-- ABOUT THIS TASK --
Return, from the lines below, each one that includes the word "IfcExtrudedAreaSolid".

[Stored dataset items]
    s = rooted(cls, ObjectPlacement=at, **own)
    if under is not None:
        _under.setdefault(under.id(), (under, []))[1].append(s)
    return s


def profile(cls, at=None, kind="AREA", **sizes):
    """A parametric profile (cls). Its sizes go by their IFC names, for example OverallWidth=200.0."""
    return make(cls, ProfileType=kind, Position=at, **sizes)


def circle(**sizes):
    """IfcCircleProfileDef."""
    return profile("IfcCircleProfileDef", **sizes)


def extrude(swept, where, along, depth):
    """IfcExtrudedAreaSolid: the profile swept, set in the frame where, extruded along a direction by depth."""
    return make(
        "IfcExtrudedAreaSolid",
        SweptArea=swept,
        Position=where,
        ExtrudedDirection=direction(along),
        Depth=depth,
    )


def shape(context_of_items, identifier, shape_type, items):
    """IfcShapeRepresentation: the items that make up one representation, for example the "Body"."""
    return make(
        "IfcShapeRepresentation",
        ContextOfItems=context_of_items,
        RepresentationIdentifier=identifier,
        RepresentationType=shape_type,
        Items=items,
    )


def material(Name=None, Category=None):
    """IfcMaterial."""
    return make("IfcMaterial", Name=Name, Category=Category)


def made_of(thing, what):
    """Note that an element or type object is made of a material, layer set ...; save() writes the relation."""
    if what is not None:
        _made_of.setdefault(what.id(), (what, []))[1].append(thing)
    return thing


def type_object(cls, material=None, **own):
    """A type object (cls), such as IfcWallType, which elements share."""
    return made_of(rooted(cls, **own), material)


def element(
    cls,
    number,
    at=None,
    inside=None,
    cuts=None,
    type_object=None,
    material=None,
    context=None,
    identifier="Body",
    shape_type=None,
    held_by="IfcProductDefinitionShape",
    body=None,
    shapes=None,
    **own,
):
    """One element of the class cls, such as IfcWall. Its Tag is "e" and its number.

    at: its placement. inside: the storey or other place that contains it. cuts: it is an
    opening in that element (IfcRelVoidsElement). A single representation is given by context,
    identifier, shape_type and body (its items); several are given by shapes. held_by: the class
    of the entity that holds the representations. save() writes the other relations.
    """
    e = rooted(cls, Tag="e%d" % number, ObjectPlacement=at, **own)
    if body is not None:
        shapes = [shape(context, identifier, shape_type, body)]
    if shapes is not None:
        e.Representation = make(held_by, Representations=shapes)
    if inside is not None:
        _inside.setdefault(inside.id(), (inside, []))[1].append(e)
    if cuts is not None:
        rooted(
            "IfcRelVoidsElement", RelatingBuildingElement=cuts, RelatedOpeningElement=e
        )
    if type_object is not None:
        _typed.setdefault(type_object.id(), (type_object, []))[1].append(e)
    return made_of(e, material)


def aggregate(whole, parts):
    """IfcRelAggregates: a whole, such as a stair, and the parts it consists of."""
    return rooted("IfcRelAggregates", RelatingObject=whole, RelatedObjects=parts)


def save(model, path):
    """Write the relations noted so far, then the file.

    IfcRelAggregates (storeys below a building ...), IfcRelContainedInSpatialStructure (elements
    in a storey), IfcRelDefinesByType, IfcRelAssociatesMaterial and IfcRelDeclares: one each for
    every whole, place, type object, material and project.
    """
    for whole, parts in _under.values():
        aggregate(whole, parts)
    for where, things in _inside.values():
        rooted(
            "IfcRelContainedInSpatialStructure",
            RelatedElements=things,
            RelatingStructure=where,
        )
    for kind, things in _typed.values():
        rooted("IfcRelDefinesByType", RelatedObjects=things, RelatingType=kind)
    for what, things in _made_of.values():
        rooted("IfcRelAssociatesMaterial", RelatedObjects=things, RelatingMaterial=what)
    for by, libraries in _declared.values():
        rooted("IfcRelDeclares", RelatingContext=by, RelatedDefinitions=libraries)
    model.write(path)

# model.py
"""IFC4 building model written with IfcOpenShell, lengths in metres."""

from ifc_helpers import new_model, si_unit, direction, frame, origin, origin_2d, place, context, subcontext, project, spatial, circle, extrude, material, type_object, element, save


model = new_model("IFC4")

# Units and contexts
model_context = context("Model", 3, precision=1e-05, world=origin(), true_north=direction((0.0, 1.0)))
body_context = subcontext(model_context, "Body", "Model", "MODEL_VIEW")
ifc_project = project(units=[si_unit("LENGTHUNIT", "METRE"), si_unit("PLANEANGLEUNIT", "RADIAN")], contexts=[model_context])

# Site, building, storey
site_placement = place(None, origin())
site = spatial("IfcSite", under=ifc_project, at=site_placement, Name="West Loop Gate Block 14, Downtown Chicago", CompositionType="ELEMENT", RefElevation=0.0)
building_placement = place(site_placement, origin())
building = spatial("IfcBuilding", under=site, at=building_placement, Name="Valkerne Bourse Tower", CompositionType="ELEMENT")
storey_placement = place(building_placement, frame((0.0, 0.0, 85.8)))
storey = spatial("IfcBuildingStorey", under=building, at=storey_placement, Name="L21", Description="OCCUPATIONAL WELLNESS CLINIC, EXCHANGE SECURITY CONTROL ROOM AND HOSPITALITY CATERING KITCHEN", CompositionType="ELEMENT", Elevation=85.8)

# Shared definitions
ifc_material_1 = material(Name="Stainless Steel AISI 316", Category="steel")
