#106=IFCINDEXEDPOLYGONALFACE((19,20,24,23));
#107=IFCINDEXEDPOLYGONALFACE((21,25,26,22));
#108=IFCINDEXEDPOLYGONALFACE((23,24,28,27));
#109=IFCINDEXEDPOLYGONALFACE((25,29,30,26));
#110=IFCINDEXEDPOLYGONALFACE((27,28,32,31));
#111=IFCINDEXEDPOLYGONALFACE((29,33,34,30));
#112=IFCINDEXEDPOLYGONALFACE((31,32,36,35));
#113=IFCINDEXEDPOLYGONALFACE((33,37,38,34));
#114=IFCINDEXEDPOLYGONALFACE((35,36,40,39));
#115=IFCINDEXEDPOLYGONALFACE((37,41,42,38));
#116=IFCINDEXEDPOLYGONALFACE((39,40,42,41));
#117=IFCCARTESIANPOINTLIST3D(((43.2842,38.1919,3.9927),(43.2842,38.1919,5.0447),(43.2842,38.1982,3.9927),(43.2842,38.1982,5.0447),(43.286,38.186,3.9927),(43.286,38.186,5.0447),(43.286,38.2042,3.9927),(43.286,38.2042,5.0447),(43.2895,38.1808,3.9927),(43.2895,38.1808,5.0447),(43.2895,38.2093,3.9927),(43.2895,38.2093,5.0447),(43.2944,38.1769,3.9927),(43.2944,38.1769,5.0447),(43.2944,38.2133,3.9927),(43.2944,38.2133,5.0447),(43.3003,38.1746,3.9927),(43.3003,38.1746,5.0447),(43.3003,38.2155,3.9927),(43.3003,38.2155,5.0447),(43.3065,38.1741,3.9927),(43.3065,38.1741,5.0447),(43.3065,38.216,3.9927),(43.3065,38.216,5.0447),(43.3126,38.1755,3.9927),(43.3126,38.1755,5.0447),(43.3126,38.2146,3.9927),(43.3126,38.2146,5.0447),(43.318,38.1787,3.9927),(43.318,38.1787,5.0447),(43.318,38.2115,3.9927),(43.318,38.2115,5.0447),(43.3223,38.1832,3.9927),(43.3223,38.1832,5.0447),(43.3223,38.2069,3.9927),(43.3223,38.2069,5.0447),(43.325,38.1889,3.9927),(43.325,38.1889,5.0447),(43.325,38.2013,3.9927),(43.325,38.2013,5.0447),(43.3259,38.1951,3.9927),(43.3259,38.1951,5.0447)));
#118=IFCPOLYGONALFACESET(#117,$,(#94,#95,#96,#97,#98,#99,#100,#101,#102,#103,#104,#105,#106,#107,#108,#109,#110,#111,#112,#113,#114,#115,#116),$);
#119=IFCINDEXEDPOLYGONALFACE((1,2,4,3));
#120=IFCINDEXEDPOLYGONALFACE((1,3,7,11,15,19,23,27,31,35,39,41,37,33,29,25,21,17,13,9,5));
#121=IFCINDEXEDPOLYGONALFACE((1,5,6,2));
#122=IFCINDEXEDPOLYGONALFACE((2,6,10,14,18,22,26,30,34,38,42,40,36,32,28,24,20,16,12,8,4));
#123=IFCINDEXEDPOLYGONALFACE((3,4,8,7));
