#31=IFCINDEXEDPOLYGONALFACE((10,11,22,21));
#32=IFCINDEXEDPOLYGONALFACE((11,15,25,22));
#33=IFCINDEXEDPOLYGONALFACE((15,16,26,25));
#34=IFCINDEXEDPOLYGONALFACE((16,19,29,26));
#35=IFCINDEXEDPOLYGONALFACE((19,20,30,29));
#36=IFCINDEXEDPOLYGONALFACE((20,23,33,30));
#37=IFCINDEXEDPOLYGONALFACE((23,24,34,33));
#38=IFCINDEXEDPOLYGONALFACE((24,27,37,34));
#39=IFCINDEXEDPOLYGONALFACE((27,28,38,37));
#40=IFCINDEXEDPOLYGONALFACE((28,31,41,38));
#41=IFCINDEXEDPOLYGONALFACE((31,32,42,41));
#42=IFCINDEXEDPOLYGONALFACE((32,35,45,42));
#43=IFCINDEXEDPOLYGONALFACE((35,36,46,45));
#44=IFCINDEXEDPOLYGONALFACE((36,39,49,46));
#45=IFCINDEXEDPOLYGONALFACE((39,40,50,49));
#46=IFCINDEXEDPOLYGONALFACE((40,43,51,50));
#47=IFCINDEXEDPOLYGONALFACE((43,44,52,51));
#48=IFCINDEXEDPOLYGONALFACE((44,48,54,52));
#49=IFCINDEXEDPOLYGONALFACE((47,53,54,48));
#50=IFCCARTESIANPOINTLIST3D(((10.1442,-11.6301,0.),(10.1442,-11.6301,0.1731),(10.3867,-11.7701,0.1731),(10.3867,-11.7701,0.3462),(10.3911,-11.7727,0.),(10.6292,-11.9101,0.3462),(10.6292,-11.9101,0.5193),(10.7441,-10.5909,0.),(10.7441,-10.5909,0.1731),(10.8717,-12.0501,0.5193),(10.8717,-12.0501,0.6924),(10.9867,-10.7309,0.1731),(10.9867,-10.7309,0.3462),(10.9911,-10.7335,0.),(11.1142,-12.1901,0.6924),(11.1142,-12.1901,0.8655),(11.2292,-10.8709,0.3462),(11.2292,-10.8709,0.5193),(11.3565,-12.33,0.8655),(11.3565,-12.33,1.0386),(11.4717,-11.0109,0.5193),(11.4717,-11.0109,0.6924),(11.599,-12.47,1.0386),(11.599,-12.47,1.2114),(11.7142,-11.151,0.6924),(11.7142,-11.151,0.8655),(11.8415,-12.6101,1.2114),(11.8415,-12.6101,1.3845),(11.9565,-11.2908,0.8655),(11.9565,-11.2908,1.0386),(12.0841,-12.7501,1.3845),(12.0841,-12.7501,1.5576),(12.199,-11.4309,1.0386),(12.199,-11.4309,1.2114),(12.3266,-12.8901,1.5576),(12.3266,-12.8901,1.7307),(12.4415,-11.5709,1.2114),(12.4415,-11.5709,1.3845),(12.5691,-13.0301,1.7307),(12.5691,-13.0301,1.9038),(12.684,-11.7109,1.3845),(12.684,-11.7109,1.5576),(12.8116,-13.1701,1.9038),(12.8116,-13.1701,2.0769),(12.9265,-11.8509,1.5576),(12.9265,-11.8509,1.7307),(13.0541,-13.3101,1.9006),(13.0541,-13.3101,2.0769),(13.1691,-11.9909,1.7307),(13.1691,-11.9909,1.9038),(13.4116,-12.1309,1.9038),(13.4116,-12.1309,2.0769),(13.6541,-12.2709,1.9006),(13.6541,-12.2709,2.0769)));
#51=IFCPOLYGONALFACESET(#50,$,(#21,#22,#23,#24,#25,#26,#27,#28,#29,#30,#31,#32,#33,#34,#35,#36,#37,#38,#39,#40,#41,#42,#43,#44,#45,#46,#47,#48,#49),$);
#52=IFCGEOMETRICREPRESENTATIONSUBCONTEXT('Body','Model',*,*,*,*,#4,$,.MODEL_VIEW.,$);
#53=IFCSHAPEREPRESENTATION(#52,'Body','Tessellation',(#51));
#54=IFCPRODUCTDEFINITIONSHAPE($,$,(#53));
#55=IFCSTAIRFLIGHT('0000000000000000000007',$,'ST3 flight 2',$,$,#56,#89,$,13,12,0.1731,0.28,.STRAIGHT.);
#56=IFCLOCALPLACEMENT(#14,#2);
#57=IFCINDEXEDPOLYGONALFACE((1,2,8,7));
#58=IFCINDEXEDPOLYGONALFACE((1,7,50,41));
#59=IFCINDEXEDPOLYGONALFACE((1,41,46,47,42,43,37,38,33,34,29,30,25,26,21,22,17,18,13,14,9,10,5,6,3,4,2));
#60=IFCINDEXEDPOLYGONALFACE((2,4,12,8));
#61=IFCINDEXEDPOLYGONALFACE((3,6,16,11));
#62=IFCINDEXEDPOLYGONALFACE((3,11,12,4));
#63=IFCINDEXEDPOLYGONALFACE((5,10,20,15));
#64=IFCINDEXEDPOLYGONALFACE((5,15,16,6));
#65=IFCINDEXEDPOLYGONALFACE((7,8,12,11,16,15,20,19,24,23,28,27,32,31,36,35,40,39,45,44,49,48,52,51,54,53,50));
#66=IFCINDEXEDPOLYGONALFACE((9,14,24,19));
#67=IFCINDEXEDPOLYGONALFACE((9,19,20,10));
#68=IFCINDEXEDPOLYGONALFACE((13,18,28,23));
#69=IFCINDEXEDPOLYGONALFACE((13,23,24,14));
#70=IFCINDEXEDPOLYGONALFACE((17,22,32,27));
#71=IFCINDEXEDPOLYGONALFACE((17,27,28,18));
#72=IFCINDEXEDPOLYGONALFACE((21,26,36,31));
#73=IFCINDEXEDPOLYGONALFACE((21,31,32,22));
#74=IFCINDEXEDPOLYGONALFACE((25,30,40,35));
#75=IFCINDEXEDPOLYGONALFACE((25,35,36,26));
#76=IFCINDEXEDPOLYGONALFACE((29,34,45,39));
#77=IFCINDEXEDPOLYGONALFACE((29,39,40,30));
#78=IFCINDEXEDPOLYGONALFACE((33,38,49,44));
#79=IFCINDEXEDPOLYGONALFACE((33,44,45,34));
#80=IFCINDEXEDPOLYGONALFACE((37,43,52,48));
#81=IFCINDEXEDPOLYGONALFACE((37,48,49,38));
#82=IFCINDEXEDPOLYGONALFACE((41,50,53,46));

-- EXPECTED ANSWER --
    """IfcExtrudedAreaSolid: the profile swept, set in the frame where, extruded along a direction by depth."""
        "IfcExtrudedAreaSolid",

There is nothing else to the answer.